◆ Required work: Look through the records and copy each line that has "Tessellation" in it.

Stored data
***

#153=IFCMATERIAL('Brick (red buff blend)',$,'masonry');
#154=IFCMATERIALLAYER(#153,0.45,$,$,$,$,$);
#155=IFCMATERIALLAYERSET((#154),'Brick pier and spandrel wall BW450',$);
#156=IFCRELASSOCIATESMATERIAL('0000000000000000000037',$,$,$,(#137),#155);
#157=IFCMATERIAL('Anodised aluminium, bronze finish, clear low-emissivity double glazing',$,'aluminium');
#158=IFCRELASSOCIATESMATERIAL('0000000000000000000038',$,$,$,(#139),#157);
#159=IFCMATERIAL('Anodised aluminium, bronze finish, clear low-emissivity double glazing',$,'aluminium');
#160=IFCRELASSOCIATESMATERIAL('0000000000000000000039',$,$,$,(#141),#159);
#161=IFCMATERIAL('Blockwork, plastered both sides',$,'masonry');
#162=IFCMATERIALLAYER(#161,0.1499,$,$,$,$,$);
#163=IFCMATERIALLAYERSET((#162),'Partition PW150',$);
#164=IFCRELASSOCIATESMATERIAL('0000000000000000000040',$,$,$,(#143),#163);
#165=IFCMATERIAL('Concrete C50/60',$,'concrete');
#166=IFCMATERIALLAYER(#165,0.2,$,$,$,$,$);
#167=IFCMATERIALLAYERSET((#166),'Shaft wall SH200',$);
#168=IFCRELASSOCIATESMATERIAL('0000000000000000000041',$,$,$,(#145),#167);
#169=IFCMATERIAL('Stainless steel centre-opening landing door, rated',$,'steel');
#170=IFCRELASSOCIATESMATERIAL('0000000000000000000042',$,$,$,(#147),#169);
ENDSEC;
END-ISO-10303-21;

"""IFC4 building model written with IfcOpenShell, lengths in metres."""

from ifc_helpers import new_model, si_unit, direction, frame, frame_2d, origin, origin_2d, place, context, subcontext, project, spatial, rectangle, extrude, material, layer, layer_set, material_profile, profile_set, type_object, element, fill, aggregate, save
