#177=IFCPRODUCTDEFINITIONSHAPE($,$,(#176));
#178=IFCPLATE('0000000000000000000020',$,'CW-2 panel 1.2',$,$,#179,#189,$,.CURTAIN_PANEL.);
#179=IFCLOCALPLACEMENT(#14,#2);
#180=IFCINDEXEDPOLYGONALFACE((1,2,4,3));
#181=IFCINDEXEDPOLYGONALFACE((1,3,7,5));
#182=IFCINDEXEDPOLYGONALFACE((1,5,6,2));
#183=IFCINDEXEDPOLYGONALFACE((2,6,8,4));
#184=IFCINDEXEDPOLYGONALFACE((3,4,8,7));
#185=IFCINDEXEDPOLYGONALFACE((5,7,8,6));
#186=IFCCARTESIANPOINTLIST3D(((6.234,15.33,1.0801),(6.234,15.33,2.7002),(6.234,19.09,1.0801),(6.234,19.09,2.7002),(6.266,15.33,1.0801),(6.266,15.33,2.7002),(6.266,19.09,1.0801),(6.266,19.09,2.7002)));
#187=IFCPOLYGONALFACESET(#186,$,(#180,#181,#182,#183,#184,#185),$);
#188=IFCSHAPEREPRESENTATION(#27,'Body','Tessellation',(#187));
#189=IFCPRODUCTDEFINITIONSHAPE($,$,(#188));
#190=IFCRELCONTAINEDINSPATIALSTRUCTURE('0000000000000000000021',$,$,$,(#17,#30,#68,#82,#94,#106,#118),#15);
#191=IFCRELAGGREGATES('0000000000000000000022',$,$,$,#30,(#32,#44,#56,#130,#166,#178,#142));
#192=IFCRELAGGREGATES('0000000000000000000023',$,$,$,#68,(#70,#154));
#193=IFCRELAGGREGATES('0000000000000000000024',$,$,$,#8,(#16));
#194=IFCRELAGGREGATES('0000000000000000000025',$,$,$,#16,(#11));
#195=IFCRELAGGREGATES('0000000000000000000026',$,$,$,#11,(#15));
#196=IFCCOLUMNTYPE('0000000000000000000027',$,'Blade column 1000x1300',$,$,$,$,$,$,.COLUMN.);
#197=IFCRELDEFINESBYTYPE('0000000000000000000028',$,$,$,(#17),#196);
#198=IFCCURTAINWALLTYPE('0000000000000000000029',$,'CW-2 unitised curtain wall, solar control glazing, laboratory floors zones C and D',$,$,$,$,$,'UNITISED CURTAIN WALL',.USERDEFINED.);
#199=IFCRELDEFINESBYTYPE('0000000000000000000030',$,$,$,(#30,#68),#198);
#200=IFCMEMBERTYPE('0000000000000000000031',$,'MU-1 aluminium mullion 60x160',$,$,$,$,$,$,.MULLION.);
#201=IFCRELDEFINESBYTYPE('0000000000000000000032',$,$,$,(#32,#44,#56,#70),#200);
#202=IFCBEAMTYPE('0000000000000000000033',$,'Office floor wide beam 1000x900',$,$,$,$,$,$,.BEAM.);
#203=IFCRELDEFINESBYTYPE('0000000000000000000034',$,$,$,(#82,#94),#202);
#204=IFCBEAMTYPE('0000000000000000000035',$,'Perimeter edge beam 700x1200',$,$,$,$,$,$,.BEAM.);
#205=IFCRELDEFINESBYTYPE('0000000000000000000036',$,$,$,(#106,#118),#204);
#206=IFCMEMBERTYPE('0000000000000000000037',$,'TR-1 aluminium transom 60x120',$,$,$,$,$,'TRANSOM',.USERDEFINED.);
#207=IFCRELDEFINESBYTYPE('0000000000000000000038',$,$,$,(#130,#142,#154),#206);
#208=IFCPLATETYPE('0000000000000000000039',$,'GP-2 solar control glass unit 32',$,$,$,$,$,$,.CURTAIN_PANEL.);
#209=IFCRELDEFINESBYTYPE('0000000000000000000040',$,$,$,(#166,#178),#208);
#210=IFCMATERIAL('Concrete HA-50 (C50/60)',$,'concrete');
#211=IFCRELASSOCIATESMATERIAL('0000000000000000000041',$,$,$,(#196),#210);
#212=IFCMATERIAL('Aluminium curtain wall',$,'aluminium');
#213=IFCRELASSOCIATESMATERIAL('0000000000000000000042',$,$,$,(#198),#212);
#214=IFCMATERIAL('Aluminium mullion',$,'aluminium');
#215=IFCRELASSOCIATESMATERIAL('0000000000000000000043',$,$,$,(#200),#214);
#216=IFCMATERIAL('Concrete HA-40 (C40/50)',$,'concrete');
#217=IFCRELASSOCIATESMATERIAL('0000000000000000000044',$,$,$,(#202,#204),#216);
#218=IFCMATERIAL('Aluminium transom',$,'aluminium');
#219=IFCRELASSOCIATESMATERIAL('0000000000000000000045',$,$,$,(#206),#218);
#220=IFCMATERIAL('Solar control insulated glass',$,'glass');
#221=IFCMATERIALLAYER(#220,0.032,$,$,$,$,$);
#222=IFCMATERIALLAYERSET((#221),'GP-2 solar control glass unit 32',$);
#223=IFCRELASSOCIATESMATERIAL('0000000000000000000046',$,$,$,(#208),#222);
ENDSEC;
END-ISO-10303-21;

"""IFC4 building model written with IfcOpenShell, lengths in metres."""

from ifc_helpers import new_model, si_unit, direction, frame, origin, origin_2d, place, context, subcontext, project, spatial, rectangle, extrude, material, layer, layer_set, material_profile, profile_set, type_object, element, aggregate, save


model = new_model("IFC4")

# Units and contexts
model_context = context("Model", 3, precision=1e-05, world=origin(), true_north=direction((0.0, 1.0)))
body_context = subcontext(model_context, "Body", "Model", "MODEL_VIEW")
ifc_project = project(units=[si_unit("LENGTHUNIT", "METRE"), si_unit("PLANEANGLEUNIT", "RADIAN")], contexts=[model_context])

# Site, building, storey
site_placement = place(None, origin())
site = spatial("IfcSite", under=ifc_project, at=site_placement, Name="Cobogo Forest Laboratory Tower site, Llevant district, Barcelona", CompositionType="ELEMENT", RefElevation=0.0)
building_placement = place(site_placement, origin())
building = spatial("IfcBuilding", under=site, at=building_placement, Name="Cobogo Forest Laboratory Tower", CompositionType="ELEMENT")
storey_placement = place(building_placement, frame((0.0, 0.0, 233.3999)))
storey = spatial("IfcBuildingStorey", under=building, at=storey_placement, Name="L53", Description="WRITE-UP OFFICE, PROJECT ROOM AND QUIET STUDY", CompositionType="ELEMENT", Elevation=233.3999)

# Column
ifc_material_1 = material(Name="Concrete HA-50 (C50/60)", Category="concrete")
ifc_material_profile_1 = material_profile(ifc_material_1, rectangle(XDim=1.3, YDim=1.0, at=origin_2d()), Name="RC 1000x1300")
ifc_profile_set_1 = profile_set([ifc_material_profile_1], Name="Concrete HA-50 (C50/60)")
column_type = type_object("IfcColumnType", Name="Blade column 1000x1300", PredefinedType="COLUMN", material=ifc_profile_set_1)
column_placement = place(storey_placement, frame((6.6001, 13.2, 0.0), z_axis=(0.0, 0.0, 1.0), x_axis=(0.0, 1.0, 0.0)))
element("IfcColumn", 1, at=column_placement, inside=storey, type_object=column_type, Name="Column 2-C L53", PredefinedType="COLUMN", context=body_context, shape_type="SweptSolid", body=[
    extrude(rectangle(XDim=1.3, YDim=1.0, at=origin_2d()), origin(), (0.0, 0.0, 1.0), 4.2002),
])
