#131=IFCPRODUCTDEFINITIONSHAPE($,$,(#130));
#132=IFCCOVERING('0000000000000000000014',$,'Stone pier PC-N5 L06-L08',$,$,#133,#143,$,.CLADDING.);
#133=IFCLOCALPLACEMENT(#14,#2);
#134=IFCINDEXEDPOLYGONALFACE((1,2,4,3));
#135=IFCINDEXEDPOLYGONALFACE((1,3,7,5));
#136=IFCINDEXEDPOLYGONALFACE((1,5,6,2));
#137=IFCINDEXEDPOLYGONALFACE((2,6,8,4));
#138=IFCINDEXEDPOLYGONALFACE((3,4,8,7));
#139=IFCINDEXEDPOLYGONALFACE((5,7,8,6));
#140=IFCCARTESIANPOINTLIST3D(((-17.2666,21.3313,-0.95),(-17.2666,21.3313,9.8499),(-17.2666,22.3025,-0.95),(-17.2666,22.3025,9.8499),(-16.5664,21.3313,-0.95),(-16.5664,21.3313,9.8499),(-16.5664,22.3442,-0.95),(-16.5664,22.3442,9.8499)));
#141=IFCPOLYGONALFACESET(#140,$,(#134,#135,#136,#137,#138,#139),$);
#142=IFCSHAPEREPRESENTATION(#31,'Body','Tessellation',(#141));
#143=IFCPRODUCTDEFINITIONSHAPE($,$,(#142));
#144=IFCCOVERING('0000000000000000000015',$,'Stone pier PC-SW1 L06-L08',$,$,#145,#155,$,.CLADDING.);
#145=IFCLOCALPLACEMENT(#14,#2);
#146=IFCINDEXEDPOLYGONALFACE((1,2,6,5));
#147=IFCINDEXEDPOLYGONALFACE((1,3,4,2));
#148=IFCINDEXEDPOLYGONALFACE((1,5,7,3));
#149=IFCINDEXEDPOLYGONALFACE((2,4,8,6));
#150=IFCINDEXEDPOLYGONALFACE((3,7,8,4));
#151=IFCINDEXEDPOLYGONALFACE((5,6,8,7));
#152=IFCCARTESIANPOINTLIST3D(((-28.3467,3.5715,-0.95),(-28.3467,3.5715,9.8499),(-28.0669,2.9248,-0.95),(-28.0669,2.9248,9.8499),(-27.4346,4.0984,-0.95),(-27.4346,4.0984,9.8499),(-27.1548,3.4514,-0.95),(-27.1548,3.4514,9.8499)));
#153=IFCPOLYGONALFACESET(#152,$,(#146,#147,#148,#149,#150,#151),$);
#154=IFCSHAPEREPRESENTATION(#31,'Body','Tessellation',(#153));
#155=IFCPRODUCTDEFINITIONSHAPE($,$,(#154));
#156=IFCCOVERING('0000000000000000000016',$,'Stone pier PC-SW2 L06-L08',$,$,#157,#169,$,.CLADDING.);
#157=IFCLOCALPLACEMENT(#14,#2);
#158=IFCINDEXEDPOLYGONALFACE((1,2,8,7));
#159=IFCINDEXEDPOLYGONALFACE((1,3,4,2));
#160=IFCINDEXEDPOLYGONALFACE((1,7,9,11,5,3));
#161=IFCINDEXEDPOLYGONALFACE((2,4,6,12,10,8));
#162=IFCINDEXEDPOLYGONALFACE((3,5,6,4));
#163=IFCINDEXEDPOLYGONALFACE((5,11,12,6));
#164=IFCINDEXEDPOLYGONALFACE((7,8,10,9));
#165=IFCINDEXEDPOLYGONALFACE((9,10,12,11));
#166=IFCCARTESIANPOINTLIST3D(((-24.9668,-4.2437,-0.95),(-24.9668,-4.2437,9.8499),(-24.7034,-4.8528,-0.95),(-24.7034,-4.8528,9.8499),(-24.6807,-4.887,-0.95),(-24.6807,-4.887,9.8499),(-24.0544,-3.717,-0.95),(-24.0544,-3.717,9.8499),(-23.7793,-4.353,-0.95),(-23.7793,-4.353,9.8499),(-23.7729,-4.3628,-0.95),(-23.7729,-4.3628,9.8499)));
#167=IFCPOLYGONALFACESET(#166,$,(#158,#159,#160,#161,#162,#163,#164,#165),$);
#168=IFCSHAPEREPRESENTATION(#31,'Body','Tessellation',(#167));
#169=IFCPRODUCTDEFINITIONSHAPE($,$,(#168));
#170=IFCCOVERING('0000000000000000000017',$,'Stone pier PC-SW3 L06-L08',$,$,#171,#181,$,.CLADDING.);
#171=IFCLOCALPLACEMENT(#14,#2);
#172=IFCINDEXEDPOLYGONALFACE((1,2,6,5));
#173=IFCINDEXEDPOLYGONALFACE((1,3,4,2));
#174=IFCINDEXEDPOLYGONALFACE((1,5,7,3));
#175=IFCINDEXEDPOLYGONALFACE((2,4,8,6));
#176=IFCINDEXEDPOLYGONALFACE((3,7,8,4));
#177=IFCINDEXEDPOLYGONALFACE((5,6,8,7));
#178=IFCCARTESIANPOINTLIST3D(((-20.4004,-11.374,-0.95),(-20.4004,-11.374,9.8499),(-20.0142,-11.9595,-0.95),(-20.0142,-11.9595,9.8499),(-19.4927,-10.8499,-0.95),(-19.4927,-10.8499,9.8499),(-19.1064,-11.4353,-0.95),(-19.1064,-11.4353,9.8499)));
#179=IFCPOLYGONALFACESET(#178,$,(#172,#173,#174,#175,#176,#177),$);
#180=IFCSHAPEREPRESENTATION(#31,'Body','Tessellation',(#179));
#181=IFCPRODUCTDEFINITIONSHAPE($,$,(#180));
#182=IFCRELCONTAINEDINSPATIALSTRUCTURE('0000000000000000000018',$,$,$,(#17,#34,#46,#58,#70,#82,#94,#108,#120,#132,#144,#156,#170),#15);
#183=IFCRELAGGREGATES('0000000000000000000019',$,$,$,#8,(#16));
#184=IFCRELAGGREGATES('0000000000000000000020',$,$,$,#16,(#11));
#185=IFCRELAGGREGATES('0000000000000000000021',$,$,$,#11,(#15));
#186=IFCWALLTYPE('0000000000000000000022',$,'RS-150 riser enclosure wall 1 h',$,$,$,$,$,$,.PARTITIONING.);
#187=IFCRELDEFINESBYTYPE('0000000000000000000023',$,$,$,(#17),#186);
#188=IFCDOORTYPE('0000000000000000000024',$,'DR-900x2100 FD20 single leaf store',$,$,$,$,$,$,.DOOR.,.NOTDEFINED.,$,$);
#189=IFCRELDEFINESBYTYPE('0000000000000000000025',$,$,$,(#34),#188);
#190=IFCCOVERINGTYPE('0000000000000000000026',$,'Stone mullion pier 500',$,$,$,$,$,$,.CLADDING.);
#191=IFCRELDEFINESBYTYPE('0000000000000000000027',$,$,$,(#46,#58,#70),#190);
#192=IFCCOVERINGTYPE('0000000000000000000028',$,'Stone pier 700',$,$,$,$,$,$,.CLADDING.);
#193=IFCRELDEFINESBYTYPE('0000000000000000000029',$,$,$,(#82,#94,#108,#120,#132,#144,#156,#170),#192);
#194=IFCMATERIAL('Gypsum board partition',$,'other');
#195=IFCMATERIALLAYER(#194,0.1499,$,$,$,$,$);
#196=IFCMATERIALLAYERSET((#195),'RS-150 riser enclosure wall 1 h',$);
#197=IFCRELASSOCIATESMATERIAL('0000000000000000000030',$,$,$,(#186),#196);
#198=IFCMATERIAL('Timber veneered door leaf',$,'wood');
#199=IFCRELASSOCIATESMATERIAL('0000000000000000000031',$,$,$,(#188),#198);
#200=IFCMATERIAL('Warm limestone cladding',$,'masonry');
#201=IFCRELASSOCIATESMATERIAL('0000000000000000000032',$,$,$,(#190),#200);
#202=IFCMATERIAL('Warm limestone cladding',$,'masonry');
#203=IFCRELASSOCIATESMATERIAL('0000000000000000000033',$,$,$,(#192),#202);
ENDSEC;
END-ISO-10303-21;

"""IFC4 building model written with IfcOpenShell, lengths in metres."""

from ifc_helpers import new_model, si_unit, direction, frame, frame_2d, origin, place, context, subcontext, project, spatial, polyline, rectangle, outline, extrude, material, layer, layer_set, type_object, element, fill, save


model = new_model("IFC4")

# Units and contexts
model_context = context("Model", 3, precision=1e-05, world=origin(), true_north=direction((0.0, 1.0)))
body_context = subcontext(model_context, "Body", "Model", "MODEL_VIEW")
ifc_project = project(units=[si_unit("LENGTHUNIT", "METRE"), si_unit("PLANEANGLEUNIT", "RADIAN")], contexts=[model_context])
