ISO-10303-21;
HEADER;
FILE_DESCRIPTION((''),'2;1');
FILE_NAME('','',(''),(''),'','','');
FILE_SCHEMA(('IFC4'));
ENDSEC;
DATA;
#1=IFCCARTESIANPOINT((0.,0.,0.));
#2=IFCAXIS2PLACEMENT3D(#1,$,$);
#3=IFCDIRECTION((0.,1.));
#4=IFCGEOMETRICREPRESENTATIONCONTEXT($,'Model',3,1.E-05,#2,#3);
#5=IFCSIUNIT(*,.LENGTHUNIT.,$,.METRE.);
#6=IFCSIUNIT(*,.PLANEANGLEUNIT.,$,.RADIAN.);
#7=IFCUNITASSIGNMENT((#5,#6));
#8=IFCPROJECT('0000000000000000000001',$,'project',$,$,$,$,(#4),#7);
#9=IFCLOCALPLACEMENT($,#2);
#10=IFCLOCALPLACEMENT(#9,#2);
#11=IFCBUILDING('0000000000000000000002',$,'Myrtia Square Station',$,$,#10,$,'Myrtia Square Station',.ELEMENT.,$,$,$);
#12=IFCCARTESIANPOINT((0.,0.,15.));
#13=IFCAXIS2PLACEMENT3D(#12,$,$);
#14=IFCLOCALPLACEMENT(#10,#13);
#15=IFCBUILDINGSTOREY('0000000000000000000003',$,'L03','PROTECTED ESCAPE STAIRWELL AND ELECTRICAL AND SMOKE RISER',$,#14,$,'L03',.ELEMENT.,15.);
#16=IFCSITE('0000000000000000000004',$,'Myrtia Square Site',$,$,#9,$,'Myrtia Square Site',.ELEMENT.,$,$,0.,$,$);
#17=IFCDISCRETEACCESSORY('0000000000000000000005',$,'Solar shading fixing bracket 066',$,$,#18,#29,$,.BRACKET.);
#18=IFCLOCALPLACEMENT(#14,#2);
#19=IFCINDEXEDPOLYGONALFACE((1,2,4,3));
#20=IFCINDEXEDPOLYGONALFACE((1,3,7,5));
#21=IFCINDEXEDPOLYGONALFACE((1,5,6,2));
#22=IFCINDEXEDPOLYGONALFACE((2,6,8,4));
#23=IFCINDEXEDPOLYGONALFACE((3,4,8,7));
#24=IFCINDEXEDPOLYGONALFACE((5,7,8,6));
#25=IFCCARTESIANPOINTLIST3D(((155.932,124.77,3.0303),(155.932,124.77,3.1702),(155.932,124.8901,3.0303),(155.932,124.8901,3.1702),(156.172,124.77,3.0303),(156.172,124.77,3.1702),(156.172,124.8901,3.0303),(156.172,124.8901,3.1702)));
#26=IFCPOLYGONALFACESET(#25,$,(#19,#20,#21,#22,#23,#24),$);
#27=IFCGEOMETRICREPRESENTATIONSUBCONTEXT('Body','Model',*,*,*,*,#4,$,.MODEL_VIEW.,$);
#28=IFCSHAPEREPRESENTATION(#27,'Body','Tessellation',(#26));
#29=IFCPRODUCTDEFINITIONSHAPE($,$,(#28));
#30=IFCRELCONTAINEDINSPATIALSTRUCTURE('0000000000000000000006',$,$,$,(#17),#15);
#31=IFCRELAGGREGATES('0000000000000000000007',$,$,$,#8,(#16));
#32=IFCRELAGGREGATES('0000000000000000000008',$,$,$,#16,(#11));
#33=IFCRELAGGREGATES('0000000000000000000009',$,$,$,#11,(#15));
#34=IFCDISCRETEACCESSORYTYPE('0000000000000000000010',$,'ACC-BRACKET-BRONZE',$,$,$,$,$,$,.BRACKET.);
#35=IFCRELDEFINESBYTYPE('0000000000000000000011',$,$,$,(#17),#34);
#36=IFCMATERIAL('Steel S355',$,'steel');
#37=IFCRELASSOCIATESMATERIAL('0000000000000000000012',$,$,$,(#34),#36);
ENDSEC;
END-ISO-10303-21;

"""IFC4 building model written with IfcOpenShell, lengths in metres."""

from ifc_helpers import new_model, si_unit, direction, frame, origin, origin_2d, place, context, subcontext, project, spatial, rectangle, extrude, material, type_object, element, save


model = new_model("IFC4")

# Units and contexts
model_context = context("Model", 3, precision=1e-05, world=origin(), true_north=direction((0.0, 1.0)))
body_context = subcontext(model_context, "Body", "Model", "MODEL_VIEW")
ifc_project = project(units=[si_unit("LENGTHUNIT", "METRE"), si_unit("PLANEANGLEUNIT", "RADIAN")], contexts=[model_context])

# Site, building, storey
site_placement = place(None, origin())
site = spatial("IfcSite", under=ifc_project, at=site_placement, Name="Myrtia Square Site", LongName="Myrtia Square Site", CompositionType="ELEMENT", RefElevation=0.0)
building_placement = place(site_placement, origin())
building = spatial("IfcBuilding", under=site, at=building_placement, Name="Myrtia Square Station", LongName="Myrtia Square Station", CompositionType="ELEMENT")
storey_placement = place(building_placement, frame((0.0, 0.0, 15.0)))
storey = spatial("IfcBuildingStorey", under=building, at=storey_placement, Name="L03", Description="PROTECTED ESCAPE STAIRWELL AND ELECTRICAL AND SMOKE RISER", LongName="L03", CompositionType="ELEMENT", Elevation=15.0)

# Shared definitions
ifc_material_1 = material(Name="Steel S355", Category="steel")

# Discrete accessory
discrete_accessory_type = type_object("IfcDiscreteAccessoryType", Name="ACC-BRACKET-BRONZE", PredefinedType="BRACKET", material=ifc_material_1)
discrete_accessory_placement = place(storey_placement, frame((156.052, 124.8301, 3.0303), z_axis=(0.0, 0.0, 1.0), x_axis=(1.0, 0.0, 0.0)))
element("IfcDiscreteAccessory", 1, at=discrete_accessory_placement, inside=storey, type_object=discrete_accessory_type, Name="Solar shading fixing bracket 066", PredefinedType="BRACKET", context=body_context, shape_type="SweptSolid", body=[
    extrude(rectangle(XDim=0.24, YDim=0.1201, at=origin_2d()), origin(), (0.0, 0.0, 1.0), 0.1399),
])

save(model, "model.ifc")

***

◆ Result:
#188=IFCSHAPEREPRESENTATION(#27,'Body','Tessellation',(#187));
#142=IFCSHAPEREPRESENTATION(#31,'Body','Tessellation',(#141));
#154=IFCSHAPEREPRESENTATION(#31,'Body','Tessellation',(#153));
#168=IFCSHAPEREPRESENTATION(#31,'Body','Tessellation',(#167));
#180=IFCSHAPEREPRESENTATION(#31,'Body','Tessellation',(#179));
#28=IFCSHAPEREPRESENTATION(#27,'Body','Tessellation',(#26));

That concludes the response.